• _PROBLEM STATEMENT_
In the data below, find the line containing "#102=IFCINDEXEDPOLYGONALFACE((11,12,16,15));", then set down that line and every later line up to and including the line containing "#109=IFCINDEXEDPOLYGONALFACE((25,29,30,26));", exactly.

• _ENTRIES SHOWN_

▬▬▬

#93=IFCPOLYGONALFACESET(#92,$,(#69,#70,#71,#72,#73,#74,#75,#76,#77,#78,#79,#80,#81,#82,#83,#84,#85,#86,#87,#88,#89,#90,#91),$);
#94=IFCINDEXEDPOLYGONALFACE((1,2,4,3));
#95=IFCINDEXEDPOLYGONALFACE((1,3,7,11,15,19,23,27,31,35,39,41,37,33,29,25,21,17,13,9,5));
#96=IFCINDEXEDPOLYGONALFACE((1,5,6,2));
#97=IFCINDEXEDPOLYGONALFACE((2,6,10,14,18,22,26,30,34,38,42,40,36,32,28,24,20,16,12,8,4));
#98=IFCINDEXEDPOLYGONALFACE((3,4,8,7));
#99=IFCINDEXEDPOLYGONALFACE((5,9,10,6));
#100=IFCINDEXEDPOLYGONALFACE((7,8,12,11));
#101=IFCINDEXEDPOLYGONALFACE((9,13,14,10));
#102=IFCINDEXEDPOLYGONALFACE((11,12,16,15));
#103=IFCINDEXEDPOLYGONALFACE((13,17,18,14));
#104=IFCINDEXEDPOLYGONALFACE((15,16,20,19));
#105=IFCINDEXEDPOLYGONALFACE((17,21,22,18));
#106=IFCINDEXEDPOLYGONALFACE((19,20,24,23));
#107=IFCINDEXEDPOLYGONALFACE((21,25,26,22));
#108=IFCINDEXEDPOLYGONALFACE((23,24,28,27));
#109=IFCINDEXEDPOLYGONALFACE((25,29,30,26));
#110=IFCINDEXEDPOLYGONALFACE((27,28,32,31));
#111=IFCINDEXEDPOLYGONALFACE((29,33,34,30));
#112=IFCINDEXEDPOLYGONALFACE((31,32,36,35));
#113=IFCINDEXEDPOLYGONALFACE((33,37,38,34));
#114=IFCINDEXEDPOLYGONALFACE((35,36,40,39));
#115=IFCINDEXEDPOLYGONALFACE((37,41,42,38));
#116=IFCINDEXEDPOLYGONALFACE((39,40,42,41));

▬▬▬

• _SOLUTION_
#102=IFCINDEXEDPOLYGONALFACE((11,12,16,15));
#103=IFCINDEXEDPOLYGONALFACE((13,17,18,14));
#104=IFCINDEXEDPOLYGONALFACE((15,16,20,19));
#105=IFCINDEXEDPOLYGONALFACE((17,21,22,18));
#106=IFCINDEXEDPOLYGONALFACE((19,20,24,23));
#107=IFCINDEXEDPOLYGONALFACE((21,25,26,22));
#108=IFCINDEXEDPOLYGONALFACE((23,24,28,27));
#109=IFCINDEXEDPOLYGONALFACE((25,29,30,26));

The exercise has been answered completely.